WHAT THE TASK REQUIRES:
Report the count of lines below that include "IFCRELASSOCIATESMATERIAL", without any other text.

Saved entries:
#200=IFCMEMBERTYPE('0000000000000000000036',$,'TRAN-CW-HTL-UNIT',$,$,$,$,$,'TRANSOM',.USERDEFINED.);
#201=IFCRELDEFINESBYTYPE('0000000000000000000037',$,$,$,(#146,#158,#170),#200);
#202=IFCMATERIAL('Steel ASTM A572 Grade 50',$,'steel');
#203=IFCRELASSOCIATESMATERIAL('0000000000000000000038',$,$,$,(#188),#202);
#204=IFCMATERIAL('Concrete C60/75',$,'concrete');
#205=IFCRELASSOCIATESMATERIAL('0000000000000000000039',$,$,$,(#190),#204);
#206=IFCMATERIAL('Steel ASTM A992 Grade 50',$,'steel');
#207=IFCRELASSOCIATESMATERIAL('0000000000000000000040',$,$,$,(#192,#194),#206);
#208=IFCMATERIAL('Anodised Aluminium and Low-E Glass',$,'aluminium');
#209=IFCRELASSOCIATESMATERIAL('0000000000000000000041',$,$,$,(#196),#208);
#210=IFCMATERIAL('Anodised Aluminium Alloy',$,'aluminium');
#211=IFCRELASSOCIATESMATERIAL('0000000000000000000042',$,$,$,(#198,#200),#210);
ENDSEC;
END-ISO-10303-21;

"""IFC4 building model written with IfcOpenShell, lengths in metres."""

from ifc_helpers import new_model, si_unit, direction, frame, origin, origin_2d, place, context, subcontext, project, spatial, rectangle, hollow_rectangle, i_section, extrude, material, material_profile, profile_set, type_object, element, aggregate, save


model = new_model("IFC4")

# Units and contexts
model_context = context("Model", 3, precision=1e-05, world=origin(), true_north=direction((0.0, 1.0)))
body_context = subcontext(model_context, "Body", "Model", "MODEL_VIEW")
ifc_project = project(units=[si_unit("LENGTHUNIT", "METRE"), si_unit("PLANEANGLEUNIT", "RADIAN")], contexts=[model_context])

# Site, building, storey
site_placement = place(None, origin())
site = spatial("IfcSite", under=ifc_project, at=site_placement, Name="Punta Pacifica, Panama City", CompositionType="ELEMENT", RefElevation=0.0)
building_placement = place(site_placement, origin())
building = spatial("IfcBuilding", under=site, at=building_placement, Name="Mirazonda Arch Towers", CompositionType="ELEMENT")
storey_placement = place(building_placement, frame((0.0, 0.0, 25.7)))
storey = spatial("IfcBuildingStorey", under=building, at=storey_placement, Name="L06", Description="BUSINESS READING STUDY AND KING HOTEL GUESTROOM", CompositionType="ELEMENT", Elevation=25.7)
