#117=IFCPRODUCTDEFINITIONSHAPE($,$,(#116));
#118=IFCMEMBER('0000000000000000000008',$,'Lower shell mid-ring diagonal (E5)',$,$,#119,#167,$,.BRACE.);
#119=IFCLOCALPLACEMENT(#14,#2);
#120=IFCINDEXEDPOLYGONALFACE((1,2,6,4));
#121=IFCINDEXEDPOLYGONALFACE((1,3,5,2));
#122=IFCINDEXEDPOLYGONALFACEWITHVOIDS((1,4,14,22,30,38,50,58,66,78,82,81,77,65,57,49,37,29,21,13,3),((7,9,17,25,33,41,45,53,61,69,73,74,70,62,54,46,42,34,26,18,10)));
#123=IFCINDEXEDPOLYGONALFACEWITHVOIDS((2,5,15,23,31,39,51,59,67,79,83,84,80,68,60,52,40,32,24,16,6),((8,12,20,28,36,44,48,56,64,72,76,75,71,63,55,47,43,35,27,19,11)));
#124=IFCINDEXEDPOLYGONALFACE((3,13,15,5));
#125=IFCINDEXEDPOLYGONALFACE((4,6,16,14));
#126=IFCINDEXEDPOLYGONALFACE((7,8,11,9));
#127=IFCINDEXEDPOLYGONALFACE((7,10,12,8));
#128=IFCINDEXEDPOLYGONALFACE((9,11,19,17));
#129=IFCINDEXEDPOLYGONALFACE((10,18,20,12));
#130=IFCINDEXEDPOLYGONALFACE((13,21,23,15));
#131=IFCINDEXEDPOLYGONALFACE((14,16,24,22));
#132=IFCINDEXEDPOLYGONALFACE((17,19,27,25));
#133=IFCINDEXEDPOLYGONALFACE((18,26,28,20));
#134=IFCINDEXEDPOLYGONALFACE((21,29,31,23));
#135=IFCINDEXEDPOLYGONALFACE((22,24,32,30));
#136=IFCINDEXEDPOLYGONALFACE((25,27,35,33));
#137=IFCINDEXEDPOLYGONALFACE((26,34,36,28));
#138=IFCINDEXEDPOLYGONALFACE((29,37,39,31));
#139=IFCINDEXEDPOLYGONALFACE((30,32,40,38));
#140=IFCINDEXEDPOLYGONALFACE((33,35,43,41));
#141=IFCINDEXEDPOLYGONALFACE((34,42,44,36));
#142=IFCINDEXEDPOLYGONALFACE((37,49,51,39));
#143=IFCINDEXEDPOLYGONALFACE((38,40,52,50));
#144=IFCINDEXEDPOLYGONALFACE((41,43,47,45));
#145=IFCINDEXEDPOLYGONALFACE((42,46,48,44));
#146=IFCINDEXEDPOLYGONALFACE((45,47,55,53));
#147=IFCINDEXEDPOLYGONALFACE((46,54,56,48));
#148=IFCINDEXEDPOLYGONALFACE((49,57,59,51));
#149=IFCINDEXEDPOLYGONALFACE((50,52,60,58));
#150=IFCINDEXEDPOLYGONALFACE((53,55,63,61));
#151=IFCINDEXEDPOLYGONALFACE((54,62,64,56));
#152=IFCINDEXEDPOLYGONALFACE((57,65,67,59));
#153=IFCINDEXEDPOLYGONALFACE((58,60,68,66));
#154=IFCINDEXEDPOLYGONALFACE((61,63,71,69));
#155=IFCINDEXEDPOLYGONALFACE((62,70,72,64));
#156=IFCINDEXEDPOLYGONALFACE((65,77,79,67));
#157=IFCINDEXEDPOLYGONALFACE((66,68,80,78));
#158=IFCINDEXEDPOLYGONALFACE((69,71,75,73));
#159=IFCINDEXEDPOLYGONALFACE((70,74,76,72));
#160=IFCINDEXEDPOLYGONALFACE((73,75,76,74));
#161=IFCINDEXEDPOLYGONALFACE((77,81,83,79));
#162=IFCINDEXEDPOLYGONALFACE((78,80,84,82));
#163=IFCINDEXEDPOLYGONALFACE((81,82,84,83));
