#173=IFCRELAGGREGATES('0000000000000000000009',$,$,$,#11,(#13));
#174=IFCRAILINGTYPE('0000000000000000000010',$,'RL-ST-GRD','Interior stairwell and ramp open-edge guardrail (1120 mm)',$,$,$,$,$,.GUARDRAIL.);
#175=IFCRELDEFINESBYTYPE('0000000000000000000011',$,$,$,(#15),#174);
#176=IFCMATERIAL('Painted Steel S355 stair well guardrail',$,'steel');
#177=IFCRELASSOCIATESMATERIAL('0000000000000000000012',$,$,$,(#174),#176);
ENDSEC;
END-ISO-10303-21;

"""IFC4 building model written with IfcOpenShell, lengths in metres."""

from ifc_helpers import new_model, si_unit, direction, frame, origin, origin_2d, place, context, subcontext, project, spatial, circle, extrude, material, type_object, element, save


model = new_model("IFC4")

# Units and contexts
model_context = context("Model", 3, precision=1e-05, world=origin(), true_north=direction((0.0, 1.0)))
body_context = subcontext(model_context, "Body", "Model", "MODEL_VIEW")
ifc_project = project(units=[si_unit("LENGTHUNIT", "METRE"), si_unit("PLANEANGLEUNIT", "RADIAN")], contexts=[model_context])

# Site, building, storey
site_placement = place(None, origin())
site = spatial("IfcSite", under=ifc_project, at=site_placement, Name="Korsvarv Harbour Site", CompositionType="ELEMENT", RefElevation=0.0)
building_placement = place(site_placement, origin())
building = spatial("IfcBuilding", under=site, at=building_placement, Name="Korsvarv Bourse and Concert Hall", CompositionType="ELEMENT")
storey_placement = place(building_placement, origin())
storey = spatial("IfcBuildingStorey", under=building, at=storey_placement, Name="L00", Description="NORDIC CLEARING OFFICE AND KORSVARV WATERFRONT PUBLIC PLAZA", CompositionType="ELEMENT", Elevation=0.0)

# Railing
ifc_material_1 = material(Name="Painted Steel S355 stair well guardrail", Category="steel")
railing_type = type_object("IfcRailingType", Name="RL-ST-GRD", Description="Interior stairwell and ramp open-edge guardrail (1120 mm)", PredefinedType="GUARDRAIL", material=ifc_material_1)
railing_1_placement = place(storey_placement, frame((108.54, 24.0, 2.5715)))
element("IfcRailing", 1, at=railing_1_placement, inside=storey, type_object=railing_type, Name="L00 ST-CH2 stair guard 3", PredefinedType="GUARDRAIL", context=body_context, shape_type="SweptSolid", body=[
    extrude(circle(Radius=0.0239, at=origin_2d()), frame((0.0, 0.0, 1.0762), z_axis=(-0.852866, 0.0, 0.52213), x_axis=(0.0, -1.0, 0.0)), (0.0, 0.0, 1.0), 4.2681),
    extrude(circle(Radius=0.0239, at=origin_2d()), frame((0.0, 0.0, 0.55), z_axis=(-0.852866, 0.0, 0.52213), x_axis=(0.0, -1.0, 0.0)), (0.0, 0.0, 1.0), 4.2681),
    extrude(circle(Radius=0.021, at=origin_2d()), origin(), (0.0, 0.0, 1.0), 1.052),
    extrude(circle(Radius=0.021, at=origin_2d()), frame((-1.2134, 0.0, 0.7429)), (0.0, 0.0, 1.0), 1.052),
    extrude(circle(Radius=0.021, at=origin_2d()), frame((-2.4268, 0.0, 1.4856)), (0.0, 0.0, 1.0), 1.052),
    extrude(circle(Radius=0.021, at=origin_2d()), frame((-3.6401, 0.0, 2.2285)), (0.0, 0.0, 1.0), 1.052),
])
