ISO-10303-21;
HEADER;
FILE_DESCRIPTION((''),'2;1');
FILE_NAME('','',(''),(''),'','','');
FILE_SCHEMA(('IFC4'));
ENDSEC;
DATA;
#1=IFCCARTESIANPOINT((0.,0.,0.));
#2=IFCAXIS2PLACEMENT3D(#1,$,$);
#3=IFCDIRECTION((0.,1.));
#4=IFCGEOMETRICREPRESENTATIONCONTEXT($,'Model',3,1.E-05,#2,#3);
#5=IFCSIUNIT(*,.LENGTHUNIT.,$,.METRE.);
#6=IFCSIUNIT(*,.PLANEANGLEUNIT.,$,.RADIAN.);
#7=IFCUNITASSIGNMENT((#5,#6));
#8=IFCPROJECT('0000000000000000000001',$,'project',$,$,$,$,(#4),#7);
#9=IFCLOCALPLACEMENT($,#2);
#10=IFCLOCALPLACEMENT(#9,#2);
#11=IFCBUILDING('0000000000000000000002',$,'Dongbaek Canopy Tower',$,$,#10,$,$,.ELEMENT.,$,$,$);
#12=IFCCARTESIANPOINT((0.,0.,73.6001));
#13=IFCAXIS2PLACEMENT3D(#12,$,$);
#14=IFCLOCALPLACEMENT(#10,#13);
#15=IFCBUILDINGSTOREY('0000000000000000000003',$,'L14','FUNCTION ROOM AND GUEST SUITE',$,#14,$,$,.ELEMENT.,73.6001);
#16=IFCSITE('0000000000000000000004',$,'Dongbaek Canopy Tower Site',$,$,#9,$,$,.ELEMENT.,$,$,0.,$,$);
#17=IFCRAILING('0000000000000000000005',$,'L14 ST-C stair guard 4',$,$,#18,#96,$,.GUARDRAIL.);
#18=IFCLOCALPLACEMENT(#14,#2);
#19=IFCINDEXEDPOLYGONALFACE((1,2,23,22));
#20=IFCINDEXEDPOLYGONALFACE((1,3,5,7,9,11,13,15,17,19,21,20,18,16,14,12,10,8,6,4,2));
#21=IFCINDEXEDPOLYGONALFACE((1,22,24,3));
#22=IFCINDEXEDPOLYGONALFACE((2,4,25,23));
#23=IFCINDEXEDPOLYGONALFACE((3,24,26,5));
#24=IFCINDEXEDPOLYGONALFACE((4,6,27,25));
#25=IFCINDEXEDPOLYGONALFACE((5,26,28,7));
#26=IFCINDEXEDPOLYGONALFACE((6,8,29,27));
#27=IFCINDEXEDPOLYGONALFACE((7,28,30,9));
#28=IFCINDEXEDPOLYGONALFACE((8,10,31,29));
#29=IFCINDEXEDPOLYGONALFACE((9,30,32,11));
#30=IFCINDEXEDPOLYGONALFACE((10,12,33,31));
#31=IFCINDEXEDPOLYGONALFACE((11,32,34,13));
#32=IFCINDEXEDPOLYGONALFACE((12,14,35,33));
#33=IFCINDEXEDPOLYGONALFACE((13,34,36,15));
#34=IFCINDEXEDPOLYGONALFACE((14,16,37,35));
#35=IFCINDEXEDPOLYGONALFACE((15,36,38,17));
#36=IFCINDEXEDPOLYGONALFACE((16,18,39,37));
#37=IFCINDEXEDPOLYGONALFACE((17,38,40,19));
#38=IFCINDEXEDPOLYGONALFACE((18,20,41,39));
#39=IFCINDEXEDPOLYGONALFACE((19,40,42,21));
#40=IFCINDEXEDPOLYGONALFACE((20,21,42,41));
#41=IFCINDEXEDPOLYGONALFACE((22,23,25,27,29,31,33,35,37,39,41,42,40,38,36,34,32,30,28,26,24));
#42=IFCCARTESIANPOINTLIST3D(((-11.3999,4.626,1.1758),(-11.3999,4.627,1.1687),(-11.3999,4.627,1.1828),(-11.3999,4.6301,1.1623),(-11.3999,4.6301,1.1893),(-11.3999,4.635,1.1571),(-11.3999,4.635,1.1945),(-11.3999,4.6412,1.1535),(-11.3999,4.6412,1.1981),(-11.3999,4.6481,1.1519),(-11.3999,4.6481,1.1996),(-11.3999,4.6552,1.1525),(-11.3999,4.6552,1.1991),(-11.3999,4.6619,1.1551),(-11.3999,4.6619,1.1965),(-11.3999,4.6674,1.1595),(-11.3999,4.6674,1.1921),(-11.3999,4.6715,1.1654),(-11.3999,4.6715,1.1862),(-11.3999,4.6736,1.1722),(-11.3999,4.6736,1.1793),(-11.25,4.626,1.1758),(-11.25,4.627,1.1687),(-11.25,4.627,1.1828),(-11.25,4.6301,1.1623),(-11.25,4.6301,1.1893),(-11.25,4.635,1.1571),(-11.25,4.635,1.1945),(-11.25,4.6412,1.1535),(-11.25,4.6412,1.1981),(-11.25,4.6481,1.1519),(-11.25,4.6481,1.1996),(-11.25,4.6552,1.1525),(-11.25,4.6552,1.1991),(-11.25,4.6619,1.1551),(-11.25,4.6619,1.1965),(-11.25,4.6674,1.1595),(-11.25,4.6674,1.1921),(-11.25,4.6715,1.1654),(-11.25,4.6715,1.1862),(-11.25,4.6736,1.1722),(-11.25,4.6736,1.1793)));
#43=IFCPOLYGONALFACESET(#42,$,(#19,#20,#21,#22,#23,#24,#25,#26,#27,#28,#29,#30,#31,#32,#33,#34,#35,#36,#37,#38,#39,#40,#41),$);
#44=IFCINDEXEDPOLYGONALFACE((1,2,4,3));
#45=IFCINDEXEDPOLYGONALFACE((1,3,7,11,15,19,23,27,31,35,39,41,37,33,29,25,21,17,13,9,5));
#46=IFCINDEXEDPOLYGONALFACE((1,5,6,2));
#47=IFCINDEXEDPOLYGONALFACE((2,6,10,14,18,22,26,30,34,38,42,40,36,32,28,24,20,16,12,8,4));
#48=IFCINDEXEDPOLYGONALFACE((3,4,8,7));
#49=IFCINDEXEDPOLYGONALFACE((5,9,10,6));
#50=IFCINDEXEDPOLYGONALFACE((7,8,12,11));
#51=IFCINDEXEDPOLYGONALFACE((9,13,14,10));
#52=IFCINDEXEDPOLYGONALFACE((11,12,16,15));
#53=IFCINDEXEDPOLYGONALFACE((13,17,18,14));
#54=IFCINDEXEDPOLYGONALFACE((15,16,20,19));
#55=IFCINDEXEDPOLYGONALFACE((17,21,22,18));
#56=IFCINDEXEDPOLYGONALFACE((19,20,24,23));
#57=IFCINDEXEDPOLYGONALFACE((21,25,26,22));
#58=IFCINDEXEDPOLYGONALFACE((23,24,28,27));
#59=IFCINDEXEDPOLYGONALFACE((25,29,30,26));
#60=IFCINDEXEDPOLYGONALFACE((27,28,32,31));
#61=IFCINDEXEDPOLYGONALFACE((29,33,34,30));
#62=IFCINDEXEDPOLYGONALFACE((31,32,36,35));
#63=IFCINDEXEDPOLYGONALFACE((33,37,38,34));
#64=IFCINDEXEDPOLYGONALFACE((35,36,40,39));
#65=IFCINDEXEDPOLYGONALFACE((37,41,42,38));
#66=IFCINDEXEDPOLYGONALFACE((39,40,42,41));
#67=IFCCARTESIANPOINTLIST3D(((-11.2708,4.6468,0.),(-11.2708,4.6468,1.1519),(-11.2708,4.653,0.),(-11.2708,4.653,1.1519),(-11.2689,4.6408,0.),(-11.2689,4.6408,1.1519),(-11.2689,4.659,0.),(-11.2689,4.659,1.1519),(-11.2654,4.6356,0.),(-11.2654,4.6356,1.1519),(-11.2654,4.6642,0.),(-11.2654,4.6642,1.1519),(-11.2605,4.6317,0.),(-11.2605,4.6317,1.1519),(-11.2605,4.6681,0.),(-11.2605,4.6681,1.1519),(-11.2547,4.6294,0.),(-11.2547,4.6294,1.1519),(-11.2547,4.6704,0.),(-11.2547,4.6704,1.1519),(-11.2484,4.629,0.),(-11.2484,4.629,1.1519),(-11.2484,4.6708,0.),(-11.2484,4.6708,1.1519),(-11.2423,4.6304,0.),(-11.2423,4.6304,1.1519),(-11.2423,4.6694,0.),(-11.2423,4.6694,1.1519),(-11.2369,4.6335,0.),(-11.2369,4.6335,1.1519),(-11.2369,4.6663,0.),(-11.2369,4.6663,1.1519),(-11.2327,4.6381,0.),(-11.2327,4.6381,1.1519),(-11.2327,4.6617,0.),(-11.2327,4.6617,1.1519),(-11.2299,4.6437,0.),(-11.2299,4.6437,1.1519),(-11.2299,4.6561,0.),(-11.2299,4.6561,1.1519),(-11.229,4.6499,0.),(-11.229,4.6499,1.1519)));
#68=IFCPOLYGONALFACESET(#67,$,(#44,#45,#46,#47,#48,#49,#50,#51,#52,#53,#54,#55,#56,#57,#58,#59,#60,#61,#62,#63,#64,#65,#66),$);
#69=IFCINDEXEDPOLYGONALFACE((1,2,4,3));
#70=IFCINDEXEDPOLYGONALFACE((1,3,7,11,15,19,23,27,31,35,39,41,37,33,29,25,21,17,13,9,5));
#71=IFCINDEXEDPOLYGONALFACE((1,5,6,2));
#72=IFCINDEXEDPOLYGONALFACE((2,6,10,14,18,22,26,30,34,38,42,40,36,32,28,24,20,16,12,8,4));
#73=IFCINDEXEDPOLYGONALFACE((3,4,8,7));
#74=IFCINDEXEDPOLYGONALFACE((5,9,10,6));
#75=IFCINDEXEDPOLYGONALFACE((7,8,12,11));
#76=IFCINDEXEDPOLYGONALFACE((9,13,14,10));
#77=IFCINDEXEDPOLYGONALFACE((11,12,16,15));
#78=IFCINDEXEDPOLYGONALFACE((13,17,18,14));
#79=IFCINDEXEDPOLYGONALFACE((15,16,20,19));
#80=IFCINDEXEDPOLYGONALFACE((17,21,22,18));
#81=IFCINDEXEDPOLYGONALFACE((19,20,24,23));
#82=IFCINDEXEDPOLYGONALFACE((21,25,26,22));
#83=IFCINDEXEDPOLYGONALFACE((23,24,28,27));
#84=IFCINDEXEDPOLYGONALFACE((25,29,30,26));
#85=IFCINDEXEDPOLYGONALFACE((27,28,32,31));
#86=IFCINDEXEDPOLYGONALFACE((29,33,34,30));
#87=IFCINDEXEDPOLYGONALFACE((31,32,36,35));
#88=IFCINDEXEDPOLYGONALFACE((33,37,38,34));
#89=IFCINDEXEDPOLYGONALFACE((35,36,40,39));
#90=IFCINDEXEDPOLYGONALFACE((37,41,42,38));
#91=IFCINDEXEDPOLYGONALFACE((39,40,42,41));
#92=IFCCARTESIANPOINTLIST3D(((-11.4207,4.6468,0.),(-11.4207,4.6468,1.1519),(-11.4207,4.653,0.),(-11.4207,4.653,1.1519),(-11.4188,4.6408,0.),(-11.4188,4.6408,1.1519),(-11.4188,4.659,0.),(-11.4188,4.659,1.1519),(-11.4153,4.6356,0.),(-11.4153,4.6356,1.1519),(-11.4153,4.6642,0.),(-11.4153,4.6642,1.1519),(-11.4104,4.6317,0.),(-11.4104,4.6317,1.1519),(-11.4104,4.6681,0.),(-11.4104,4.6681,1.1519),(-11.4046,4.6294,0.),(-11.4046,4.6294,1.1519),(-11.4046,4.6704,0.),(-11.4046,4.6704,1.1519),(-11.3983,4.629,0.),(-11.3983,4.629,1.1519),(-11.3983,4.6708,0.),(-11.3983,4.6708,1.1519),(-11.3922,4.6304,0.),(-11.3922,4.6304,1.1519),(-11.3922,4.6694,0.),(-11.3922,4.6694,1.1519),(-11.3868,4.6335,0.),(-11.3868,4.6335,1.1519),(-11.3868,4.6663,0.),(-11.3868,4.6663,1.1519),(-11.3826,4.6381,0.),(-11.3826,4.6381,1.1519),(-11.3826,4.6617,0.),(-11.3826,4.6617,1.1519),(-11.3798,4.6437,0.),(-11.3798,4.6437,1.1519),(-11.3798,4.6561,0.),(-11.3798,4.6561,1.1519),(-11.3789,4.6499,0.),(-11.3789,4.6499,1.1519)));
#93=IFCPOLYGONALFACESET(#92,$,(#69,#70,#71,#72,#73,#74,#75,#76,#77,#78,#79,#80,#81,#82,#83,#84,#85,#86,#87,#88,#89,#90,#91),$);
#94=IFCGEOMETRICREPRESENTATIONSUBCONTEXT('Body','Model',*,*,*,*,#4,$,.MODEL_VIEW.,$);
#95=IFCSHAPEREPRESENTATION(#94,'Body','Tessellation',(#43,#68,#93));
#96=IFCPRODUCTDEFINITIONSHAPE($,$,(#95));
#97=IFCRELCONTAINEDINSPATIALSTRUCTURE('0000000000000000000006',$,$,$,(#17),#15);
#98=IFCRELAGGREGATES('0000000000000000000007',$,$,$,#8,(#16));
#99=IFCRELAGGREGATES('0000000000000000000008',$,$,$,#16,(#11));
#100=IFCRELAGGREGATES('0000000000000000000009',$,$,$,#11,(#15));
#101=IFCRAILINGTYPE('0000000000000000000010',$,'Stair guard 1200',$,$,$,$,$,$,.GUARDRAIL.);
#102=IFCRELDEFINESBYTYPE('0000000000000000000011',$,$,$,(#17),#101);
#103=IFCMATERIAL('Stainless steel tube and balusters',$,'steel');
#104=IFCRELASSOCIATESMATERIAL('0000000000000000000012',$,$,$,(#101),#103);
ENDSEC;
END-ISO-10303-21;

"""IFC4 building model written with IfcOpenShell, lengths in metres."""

from ifc_helpers import new_model, si_unit, direction, frame, origin, origin_2d, place, context, subcontext, project, spatial, circle, extrude, material, type_object, element, save


model = new_model("IFC4")

# Units and contexts
model_context = context("Model", 3, precision=1e-05, world=origin(), true_north=direction((0.0, 1.0)))
body_context = subcontext(model_context, "Body", "Model", "MODEL_VIEW")
ifc_project = project(units=[si_unit("LENGTHUNIT", "METRE"), si_unit("PLANEANGLEUNIT", "RADIAN")], contexts=[model_context])

# Site, building, storey
site_placement = place(None, origin())
site = spatial("IfcSite", under=ifc_project, at=site_placement, Name="Dongbaek Canopy Tower Site", CompositionType="ELEMENT", RefElevation=0.0)
building_placement = place(site_placement, origin())
building = spatial("IfcBuilding", under=site, at=building_placement, Name="Dongbaek Canopy Tower", CompositionType="ELEMENT")
storey_placement = place(building_placement, frame((0.0, 0.0, 73.6001)))
storey = spatial("IfcBuildingStorey", under=building, at=storey_placement, Name="L14", Description="FUNCTION ROOM AND GUEST SUITE", CompositionType="ELEMENT", Elevation=73.6001)

# Railing
ifc_material_1 = material(Name="Stainless steel tube and balusters", Category="steel")
railing_type_1 = type_object("IfcRailingType", Name="Stair guard 1200", PredefinedType="GUARDRAIL", material=ifc_material_1)
railing_1_placement = place(storey_placement, frame((-11.25, 4.6499, 0.0)))
element("IfcRailing", 1, at=railing_1_placement, inside=storey, type_object=railing_type_1, Name="L14 ST-C stair guard 4", PredefinedType="GUARDRAIL", context=body_context, shape_type="SweptSolid", body=[
    extrude(circle(Radius=0.0239, at=origin_2d()), frame((0.0, 0.0, 1.1758), z_axis=(-1.0, 0.0, 0.0), x_axis=(0.0, -1.0, 0.0)), (0.0, 0.0, 1.0), 0.1499),
    extrude(circle(Radius=0.021, at=origin_2d()), origin(), (0.0, 0.0, 1.0), 1.1519),
    extrude(circle(Radius=0.021, at=origin_2d()), frame((-0.1499, 0.0, 0.0)), (0.0, 0.0, 1.0), 1.1519),
])

save(model, "model.ifc")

REPLY:
7